» Source data:
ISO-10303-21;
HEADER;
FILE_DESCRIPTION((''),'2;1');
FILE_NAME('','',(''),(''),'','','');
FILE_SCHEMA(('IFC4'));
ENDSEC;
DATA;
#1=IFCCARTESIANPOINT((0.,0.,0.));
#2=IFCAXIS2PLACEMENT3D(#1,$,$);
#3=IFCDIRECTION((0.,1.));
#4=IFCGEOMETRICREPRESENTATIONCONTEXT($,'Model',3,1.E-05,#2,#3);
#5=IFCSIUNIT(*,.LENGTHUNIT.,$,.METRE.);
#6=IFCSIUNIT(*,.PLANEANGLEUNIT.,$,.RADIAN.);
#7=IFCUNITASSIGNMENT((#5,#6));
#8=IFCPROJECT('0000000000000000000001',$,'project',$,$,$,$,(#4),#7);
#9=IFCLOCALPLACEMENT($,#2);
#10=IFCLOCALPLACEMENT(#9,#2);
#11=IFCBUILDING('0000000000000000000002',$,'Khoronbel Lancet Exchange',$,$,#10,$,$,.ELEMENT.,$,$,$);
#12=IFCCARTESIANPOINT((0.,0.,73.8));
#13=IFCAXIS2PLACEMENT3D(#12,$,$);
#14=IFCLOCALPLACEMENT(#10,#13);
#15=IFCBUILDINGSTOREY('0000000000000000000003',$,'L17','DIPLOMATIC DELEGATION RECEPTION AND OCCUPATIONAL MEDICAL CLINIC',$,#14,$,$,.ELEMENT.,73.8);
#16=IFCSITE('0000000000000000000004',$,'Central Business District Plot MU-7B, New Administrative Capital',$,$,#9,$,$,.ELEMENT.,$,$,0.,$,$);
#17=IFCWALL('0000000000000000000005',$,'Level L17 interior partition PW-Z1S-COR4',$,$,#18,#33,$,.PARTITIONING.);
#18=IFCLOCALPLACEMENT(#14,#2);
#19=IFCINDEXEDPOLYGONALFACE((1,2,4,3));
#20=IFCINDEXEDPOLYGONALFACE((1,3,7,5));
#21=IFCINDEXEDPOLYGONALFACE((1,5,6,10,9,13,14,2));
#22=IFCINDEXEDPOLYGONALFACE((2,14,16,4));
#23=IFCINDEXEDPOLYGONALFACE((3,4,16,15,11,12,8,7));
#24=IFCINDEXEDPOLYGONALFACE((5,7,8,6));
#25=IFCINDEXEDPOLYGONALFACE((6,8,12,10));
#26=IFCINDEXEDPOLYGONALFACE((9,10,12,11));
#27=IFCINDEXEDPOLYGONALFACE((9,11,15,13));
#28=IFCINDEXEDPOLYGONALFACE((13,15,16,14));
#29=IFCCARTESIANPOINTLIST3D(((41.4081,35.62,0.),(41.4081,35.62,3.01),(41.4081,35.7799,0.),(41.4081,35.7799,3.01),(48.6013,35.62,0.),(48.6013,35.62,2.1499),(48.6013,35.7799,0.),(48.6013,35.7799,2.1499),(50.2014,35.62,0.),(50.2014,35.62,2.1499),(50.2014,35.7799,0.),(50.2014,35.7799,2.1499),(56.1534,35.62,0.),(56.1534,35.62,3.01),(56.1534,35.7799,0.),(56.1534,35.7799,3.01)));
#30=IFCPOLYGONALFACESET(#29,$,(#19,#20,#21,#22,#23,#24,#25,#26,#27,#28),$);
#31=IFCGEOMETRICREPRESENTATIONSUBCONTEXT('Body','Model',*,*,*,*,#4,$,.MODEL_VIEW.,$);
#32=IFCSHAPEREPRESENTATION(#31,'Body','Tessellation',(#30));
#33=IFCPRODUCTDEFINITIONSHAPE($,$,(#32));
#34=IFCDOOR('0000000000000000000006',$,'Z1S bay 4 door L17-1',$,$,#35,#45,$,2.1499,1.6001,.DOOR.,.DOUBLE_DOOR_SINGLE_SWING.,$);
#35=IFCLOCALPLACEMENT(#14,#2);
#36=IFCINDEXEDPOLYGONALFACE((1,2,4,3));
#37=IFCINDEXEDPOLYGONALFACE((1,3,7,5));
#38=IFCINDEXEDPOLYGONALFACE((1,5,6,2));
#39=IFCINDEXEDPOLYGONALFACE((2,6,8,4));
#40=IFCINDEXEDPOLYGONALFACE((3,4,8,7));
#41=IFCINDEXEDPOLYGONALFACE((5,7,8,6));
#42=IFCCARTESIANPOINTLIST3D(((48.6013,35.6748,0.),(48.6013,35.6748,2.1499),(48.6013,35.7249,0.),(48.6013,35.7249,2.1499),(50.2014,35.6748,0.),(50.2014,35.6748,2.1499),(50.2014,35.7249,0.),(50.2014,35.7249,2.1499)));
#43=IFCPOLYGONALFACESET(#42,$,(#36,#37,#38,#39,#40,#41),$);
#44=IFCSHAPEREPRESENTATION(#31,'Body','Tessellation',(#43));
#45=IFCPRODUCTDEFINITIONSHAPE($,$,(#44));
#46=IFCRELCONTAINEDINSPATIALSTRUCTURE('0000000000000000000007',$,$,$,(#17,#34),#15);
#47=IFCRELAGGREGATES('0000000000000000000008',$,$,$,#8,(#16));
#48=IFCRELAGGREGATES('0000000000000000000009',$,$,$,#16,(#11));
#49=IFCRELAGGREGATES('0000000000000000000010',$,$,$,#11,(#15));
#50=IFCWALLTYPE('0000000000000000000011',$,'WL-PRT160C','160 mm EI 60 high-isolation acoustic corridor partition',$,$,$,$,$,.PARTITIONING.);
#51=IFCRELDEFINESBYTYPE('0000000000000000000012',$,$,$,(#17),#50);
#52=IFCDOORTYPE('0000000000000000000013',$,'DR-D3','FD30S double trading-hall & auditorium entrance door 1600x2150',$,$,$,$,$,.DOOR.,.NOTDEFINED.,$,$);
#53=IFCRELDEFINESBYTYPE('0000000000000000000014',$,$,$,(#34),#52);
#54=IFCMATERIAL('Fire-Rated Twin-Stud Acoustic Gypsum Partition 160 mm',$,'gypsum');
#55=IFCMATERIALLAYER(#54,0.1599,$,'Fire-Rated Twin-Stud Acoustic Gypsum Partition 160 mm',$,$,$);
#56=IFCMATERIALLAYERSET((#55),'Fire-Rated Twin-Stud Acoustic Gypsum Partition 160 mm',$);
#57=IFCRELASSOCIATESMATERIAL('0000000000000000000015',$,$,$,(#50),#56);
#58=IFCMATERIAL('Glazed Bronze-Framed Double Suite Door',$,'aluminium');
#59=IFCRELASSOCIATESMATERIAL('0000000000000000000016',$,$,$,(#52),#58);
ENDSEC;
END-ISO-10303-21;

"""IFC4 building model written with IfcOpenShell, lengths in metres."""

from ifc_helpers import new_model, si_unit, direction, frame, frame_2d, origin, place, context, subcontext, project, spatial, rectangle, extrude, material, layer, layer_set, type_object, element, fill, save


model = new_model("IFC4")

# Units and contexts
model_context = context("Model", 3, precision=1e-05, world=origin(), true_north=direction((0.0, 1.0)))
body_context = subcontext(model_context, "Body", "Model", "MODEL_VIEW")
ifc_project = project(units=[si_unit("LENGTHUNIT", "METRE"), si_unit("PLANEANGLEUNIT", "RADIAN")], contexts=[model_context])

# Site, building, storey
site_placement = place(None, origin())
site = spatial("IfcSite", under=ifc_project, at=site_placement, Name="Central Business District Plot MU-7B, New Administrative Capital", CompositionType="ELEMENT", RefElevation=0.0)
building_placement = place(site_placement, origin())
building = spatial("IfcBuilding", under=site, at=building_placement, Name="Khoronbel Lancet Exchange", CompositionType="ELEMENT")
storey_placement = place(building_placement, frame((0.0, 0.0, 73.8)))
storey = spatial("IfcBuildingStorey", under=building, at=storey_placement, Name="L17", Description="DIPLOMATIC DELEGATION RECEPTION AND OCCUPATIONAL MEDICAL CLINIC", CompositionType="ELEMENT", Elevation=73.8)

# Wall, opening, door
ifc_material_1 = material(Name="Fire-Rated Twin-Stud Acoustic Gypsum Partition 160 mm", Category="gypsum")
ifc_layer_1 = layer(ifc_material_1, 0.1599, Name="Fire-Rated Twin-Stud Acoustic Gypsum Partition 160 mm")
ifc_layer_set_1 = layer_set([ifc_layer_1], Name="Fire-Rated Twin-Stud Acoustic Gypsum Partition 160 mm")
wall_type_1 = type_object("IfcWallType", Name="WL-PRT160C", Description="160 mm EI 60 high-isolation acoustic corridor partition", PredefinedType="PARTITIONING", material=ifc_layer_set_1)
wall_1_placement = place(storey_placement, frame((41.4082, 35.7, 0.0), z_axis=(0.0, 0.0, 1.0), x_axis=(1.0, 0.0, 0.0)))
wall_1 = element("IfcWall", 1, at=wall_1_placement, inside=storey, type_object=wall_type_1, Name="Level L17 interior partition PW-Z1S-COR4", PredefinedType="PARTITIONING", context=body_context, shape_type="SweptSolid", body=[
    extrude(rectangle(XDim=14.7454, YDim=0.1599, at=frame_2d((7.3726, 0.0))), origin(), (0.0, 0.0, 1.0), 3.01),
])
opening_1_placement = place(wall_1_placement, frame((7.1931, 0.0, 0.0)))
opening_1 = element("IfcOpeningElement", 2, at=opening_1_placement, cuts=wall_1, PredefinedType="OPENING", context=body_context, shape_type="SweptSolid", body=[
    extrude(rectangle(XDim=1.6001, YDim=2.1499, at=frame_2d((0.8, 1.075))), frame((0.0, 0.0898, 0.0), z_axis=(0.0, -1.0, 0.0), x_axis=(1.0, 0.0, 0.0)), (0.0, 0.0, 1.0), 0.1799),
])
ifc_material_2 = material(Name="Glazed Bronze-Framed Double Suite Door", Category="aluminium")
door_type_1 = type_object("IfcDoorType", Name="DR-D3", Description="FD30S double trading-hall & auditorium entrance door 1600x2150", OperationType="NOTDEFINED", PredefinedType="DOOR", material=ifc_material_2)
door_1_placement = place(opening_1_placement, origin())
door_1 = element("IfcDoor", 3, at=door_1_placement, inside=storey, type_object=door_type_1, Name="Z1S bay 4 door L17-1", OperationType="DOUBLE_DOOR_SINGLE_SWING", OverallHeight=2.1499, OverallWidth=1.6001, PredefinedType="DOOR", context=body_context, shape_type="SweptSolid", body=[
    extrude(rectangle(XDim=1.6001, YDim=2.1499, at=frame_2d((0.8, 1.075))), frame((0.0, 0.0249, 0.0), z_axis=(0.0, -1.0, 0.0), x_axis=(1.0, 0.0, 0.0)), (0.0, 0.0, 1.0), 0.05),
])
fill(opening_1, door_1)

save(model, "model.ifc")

» Problem to work on: Everything from the first line of the records above through the line containing "OCCUPATIONAL MEDICAL CLINIC',$,#14,$,$,.ELEMENT.,73.8);" should be restated word for word; leave out all other lines.

» Task response:
ISO-10303-21;
HEADER;
FILE_DESCRIPTION((''),'2;1');
FILE_NAME('','',(''),(''),'','','');
FILE_SCHEMA(('IFC4'));
ENDSEC;
DATA;
#1=IFCCARTESIANPOINT((0.,0.,0.));
#2=IFCAXIS2PLACEMENT3D(#1,$,$);
#3=IFCDIRECTION((0.,1.));
#4=IFCGEOMETRICREPRESENTATIONCONTEXT($,'Model',3,1.E-05,#2,#3);
#5=IFCSIUNIT(*,.LENGTHUNIT.,$,.METRE.);
#6=IFCSIUNIT(*,.PLANEANGLEUNIT.,$,.RADIAN.);
#7=IFCUNITASSIGNMENT((#5,#6));
#8=IFCPROJECT('0000000000000000000001',$,'project',$,$,$,$,(#4),#7);
#9=IFCLOCALPLACEMENT($,#2);
#10=IFCLOCALPLACEMENT(#9,#2);
#11=IFCBUILDING('0000000000000000000002',$,'Khoronbel Lancet Exchange',$,$,#10,$,$,.ELEMENT.,$,$,$);
#12=IFCCARTESIANPOINT((0.,0.,73.8));
#13=IFCAXIS2PLACEMENT3D(#12,$,$);
#14=IFCLOCALPLACEMENT(#10,#13);
#15=IFCBUILDINGSTOREY('0000000000000000000003',$,'L17','DIPLOMATIC DELEGATION RECEPTION AND OCCUPATIONAL MEDICAL CLINIC',$,#14,$,$,.ELEMENT.,73.8);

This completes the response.